**Data section:**
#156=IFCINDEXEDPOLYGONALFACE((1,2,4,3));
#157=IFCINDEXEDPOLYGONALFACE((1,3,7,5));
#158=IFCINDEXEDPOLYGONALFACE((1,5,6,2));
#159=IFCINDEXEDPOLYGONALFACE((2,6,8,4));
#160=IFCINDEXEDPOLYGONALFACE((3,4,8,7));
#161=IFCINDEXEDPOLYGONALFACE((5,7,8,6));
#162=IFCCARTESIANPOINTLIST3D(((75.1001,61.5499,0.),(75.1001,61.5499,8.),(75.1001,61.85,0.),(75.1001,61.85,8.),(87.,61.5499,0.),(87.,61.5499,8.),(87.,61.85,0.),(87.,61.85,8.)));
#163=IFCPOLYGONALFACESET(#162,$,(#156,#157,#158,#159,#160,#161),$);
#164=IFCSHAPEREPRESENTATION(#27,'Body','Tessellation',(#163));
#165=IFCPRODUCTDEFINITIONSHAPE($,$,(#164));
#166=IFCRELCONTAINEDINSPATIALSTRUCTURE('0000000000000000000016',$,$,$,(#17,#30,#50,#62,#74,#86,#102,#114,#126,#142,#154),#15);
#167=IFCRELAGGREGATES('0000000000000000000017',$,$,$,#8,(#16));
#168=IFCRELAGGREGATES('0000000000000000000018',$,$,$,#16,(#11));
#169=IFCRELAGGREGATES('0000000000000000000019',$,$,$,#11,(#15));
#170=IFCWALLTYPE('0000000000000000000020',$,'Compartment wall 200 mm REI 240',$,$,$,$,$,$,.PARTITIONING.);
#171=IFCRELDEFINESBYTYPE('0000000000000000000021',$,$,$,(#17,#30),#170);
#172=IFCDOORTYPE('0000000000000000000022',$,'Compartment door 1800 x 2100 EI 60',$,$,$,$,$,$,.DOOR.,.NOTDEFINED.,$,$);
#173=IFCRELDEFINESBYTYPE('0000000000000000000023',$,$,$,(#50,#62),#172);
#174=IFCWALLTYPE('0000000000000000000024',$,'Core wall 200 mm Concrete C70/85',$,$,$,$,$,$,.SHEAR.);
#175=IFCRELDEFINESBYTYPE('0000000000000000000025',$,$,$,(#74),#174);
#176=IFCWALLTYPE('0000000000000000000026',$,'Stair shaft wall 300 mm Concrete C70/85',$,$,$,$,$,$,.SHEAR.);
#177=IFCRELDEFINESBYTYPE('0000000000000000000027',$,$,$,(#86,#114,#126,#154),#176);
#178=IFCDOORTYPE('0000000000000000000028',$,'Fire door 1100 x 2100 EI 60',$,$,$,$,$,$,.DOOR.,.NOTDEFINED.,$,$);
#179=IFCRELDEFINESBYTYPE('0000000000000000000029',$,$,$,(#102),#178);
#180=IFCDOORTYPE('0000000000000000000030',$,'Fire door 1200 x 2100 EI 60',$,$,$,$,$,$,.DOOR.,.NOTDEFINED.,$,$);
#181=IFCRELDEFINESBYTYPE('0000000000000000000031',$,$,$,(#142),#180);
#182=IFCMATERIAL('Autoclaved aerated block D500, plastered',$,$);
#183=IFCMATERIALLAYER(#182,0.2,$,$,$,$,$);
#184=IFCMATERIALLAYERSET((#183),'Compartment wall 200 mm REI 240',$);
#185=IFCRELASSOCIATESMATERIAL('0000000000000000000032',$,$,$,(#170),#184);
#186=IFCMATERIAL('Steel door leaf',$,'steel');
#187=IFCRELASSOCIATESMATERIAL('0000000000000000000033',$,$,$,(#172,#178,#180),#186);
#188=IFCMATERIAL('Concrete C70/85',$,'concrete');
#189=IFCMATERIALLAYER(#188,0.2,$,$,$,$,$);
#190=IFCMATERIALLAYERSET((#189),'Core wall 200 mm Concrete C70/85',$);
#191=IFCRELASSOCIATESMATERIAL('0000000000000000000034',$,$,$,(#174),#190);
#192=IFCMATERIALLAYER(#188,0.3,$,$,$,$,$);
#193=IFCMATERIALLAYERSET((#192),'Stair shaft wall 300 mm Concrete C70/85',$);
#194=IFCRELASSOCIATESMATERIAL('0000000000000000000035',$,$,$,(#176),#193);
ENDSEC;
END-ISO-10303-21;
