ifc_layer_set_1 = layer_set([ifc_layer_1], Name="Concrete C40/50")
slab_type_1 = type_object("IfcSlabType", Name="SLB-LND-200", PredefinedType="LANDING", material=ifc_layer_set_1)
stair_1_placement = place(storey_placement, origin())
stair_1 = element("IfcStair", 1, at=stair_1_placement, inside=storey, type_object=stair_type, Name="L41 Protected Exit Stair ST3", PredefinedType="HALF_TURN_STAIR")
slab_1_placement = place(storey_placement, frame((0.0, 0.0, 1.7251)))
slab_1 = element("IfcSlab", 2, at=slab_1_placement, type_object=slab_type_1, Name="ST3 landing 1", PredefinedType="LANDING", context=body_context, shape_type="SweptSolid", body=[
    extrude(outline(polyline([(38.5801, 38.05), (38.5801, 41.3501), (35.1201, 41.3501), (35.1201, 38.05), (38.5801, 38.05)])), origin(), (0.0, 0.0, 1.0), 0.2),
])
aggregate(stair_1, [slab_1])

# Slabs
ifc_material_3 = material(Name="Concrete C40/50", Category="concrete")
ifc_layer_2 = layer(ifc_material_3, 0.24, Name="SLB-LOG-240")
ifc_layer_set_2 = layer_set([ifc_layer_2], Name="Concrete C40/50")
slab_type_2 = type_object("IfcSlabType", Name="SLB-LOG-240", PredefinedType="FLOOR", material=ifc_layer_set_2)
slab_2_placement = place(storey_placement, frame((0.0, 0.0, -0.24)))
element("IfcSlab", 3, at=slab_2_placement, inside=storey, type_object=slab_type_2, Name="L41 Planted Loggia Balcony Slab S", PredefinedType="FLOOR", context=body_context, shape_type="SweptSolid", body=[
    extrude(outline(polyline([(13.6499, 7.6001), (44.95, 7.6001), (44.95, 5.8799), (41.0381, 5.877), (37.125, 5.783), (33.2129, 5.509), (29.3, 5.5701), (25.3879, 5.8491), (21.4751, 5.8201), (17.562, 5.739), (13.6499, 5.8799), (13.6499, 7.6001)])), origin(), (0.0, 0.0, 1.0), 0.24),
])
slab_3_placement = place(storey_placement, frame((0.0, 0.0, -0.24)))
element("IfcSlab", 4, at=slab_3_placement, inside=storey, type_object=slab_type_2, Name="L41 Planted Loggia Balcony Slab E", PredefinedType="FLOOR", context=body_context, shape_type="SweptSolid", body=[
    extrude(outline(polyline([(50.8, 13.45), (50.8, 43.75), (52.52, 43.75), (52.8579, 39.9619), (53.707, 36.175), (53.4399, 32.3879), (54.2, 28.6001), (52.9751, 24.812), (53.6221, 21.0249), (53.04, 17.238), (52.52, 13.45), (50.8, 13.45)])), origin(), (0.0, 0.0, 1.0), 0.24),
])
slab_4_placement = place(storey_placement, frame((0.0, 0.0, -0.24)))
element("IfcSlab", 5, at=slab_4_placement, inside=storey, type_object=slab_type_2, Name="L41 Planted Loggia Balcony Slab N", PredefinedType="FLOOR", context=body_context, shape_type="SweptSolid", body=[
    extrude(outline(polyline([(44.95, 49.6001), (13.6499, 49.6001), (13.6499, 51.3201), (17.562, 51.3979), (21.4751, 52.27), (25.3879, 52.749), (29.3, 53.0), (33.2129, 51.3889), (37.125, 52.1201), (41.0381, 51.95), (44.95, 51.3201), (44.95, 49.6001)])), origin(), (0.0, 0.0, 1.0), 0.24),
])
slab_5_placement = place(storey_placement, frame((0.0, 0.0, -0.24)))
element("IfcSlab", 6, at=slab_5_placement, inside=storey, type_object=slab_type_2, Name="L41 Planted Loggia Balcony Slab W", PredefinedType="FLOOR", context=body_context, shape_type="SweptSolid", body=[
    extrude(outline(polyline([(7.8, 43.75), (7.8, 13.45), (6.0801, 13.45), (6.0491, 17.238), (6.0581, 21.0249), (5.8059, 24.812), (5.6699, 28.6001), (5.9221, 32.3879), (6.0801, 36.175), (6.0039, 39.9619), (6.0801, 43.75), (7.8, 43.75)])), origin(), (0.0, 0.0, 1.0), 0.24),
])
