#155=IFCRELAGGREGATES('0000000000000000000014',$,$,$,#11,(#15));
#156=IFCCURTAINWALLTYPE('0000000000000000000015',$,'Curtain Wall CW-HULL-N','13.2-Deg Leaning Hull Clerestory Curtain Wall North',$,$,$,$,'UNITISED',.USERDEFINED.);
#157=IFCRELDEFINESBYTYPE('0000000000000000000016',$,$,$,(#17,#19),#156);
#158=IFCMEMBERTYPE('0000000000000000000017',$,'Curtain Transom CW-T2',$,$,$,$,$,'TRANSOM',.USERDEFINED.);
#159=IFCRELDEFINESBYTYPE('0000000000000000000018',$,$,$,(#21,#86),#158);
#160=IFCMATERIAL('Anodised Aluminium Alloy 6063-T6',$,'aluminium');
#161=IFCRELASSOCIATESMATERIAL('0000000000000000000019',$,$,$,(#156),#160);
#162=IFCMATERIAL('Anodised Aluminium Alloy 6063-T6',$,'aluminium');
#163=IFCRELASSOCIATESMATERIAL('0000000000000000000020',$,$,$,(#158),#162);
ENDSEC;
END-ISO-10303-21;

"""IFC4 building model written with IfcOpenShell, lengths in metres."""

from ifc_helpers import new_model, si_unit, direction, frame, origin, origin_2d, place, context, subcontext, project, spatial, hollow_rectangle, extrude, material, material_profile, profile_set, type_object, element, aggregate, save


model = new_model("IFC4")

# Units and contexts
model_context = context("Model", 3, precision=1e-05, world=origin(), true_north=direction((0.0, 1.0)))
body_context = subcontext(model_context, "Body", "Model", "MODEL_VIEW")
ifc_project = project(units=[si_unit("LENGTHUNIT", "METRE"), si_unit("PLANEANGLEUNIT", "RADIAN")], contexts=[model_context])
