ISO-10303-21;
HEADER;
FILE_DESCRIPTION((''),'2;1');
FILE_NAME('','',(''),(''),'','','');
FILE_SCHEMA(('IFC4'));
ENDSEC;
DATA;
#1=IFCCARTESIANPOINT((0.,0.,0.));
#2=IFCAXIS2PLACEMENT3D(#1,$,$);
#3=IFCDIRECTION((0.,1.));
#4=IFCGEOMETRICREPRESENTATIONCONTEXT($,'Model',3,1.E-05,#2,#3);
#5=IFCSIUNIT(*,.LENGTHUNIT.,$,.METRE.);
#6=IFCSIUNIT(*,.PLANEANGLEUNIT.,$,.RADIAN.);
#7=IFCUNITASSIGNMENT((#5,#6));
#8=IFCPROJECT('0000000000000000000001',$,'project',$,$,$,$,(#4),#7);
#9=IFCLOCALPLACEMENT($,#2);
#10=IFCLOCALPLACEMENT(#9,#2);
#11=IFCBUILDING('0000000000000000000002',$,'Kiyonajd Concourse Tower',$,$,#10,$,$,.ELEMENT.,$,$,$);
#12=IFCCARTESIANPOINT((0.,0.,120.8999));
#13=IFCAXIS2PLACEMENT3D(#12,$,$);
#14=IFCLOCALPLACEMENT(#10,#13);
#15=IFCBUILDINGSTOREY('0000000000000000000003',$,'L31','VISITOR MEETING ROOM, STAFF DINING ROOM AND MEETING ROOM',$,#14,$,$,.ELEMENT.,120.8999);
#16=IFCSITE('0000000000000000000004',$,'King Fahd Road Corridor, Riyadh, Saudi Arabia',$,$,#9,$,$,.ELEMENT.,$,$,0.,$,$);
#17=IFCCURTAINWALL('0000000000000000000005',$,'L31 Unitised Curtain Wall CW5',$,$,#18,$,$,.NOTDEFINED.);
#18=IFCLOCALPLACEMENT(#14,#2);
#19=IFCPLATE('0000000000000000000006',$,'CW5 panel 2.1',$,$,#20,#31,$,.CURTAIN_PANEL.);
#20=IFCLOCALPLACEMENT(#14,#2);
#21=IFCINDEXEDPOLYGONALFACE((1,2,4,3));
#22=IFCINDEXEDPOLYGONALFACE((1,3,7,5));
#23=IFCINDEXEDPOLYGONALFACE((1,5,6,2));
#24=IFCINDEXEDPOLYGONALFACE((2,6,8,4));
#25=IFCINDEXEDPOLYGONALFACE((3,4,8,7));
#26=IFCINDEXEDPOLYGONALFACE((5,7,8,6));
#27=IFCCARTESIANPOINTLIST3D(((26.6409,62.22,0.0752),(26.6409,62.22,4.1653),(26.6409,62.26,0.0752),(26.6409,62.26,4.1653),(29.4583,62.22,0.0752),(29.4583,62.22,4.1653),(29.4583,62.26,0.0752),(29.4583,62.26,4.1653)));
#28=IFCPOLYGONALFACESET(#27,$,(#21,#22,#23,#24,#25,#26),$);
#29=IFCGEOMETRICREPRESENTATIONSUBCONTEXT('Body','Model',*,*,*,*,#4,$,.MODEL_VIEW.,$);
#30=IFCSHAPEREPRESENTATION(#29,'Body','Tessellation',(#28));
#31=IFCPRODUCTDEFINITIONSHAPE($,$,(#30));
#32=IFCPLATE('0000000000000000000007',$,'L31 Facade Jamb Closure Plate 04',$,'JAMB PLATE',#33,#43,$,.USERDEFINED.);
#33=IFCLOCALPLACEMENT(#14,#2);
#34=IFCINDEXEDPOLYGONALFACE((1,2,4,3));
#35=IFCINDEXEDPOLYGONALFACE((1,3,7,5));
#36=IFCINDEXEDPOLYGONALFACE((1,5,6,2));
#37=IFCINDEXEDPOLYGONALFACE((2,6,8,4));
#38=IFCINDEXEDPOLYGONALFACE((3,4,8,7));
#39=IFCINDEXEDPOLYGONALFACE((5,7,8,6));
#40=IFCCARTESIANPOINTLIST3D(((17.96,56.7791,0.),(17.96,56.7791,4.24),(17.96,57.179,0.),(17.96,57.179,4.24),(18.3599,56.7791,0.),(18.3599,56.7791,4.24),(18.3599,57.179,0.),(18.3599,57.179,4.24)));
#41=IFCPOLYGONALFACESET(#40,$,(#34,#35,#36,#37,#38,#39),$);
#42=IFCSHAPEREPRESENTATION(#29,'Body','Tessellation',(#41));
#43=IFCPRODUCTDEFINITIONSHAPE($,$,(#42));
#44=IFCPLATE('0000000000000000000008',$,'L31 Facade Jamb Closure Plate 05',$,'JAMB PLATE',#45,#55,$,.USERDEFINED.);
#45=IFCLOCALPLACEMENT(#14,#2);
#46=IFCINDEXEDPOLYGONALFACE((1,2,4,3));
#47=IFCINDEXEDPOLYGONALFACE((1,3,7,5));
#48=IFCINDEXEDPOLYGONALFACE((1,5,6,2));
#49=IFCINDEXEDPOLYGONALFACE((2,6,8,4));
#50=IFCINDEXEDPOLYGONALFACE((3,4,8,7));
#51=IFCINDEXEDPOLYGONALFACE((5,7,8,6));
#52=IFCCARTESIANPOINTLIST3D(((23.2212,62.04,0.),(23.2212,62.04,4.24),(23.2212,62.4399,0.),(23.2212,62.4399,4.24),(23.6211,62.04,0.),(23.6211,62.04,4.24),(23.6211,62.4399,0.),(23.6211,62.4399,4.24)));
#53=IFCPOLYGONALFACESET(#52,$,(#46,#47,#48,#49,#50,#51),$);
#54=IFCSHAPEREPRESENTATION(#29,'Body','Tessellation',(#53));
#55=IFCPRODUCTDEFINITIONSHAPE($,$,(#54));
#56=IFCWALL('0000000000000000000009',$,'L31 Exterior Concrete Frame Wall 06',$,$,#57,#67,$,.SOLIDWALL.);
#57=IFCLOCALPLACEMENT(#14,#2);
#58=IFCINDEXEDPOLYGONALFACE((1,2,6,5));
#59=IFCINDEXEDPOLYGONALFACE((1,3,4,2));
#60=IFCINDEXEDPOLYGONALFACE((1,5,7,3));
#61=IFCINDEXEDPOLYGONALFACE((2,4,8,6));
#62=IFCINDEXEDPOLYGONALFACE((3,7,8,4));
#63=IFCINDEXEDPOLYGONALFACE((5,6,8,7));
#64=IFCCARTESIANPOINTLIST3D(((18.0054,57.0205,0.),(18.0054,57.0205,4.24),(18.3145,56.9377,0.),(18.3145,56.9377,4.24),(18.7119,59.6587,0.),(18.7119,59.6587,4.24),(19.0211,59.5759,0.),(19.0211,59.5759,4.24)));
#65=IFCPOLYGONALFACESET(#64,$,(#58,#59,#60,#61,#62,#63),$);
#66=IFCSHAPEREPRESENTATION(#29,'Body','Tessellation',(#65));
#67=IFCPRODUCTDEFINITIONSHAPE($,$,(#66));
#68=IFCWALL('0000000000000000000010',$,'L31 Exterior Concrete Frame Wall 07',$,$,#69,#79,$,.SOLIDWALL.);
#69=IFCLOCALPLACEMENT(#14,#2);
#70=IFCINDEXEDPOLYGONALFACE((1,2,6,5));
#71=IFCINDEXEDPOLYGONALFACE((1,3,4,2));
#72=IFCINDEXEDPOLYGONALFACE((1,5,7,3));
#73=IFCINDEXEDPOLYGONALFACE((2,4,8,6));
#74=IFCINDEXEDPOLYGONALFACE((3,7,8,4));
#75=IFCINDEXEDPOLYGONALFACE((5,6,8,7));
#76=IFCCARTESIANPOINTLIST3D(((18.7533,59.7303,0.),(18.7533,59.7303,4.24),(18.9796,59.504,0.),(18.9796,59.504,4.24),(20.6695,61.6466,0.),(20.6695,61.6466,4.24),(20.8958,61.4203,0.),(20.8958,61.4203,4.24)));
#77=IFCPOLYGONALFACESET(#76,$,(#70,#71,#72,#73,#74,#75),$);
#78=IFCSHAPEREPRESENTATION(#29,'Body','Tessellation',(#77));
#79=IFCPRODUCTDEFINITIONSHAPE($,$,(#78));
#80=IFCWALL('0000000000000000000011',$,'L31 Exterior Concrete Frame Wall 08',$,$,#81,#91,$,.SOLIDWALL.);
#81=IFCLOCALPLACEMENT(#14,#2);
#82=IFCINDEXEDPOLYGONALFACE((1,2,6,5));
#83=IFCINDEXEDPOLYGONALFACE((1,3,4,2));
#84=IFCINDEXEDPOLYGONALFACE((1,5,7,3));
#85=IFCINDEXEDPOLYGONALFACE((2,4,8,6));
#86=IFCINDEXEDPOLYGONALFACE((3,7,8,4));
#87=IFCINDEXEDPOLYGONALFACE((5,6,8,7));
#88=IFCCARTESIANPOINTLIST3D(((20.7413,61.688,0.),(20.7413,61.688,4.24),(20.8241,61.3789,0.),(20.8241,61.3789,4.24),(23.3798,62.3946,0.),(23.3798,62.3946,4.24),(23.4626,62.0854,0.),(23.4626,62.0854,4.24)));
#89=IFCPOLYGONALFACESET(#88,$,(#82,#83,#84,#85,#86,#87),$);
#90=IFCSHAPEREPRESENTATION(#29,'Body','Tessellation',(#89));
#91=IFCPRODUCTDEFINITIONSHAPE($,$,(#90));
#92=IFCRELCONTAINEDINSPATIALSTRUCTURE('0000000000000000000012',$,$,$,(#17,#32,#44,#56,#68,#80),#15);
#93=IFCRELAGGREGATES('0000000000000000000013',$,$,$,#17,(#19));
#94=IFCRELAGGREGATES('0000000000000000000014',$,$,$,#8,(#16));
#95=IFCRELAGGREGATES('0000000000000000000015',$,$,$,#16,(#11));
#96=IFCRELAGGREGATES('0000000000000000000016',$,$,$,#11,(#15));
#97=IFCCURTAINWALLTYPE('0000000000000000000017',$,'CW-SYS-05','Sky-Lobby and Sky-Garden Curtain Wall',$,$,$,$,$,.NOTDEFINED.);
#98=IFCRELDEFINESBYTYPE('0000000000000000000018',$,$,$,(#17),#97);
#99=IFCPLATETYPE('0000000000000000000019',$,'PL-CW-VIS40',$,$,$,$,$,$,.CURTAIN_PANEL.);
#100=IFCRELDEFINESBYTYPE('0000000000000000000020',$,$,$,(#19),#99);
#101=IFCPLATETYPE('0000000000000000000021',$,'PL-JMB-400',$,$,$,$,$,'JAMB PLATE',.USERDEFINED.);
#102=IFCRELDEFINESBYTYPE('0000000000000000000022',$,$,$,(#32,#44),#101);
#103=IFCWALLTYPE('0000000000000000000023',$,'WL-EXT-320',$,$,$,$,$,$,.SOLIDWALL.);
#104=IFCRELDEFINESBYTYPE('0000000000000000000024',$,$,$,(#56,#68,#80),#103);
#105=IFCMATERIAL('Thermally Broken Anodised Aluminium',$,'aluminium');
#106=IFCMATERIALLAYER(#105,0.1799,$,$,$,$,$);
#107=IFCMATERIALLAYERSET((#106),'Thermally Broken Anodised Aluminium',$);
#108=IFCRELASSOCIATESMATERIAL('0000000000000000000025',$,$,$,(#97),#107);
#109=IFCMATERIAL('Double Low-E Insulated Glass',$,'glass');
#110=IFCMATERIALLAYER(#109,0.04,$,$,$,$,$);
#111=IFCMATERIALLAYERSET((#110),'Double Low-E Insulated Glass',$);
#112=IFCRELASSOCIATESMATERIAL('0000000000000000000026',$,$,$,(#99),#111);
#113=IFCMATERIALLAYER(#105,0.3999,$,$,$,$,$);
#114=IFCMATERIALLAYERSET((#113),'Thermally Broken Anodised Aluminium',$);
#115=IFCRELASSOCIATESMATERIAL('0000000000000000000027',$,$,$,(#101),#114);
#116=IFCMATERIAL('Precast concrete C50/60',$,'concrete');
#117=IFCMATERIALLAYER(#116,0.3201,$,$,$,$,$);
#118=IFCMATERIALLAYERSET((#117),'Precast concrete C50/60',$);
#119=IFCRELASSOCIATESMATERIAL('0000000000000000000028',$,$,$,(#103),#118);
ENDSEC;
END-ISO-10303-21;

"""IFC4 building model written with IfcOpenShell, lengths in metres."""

from ifc_helpers import new_model, si_unit, direction, frame, frame_2d, origin, origin_2d, place, context, subcontext, project, spatial, rectangle, extrude, material, layer, layer_set, type_object, element, aggregate, save


model = new_model("IFC4")

# Units and contexts
model_context = context("Model", 3, precision=1e-05, world=origin(), true_north=direction((0.0, 1.0)))
body_context = subcontext(model_context, "Body", "Model", "MODEL_VIEW")
ifc_project = project(units=[si_unit("LENGTHUNIT", "METRE"), si_unit("PLANEANGLEUNIT", "RADIAN")], contexts=[model_context])

# Site, building, storey
site_placement = place(None, origin())
site = spatial("IfcSite", under=ifc_project, at=site_placement, Name="King Fahd Road Corridor, Riyadh, Saudi Arabia", CompositionType="ELEMENT", RefElevation=0.0)
building_placement = place(site_placement, origin())
building = spatial("IfcBuilding", under=site, at=building_placement, Name="Kiyonajd Concourse Tower", CompositionType="ELEMENT")
storey_placement = place(building_placement, frame((0.0, 0.0, 120.8999)))
storey = spatial("IfcBuildingStorey", under=building, at=storey_placement, Name="L31", Description="VISITOR MEETING ROOM, STAFF DINING ROOM AND MEETING ROOM", CompositionType="ELEMENT", Elevation=120.8999)

# Shared definitions
ifc_material_1 = material(Name="Precast concrete C50/60", Category="concrete")

# Curtain wall
ifc_material_2 = material(Name="Thermally Broken Anodised Aluminium", Category="aluminium")
ifc_layer_1 = layer(ifc_material_2, 0.1799)
ifc_layer_set_1 = layer_set([ifc_layer_1], Name="Thermally Broken Anodised Aluminium")
curtain_wall_type = type_object("IfcCurtainWallType", Name="CW-SYS-05", Description="Sky-Lobby and Sky-Garden Curtain Wall", PredefinedType="NOTDEFINED", material=ifc_layer_set_1)
curtain_wall_1_placement = place(storey_placement, origin())
curtain_wall_1 = element("IfcCurtainWall", 1, at=curtain_wall_1_placement, inside=storey, type_object=curtain_wall_type, Name="L31 Unitised Curtain Wall CW5", PredefinedType="NOTDEFINED")

# Plate
ifc_material_3 = material(Name="Double Low-E Insulated Glass", Category="glass")
ifc_layer_2 = layer(ifc_material_3, 0.04)
ifc_layer_set_2 = layer_set([ifc_layer_2], Name="Double Low-E Insulated Glass")
plate_type_1 = type_object("IfcPlateType", Name="PL-CW-VIS40", PredefinedType="CURTAIN_PANEL", material=ifc_layer_set_2)
plate_1_placement = place(storey_placement, frame((28.0496, 62.24, 0.0752), z_axis=(0.0, 0.0, 1.0), x_axis=(1.0, 0.0, 0.0)))
plate_1 = element("IfcPlate", 2, at=plate_1_placement, type_object=plate_type_1, Name="CW5 panel 2.1", PredefinedType="CURTAIN_PANEL", context=body_context, shape_type="SweptSolid", body=[
    extrude(rectangle(XDim=2.8174, YDim=0.04, at=origin_2d()), origin(), (0.0, 0.0, 1.0), 4.0901),
])
aggregate(curtain_wall_1, [plate_1])

# Plates
ifc_layer_3 = layer(ifc_material_2, 0.3999)
ifc_layer_set_3 = layer_set([ifc_layer_3], Name="Thermally Broken Anodised Aluminium")
plate_type_2 = type_object("IfcPlateType", Name="PL-JMB-400", ElementType="JAMB PLATE", PredefinedType="USERDEFINED", material=ifc_layer_set_3)
for number, where, z_axis, x_axis, name in (
    (3, (18.1599, 56.979, 0.0), (0.0, 0.0, 1.0), (1.0, 0.0, 0.0), "L31 Facade Jamb Closure Plate 04"),
    (4, (23.4211, 62.24, 0.0), (0.0, 0.0, 1.0), (1.0, 0.0, 0.0), "L31 Facade Jamb Closure Plate 05"),
):
    element("IfcPlate", number, at=place(storey_placement, frame(where, z_axis=z_axis, x_axis=x_axis)), inside=storey, type_object=plate_type_2, Name=name, ObjectType="JAMB PLATE", PredefinedType="USERDEFINED", context=body_context, shape_type="SweptSolid", body=[
        extrude(rectangle(XDim=0.3999, YDim=0.3999, at=origin_2d()), origin(), (0.0, 0.0, 1.0), 4.24),
    ])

**Problem:** Copy all the lines above that hold the string "IFCPRODUCTDEFINITIONSHAPE".

**Task result:**
#165=IFCPRODUCTDEFINITIONSHAPE($,$,(#164));
#31=IFCPRODUCTDEFINITIONSHAPE($,$,(#30));
#43=IFCPRODUCTDEFINITIONSHAPE($,$,(#42));
#55=IFCPRODUCTDEFINITIONSHAPE($,$,(#54));
#67=IFCPRODUCTDEFINITIONSHAPE($,$,(#66));
#79=IFCPRODUCTDEFINITIONSHAPE($,$,(#78));
#91=IFCPRODUCTDEFINITIONSHAPE($,$,(#90));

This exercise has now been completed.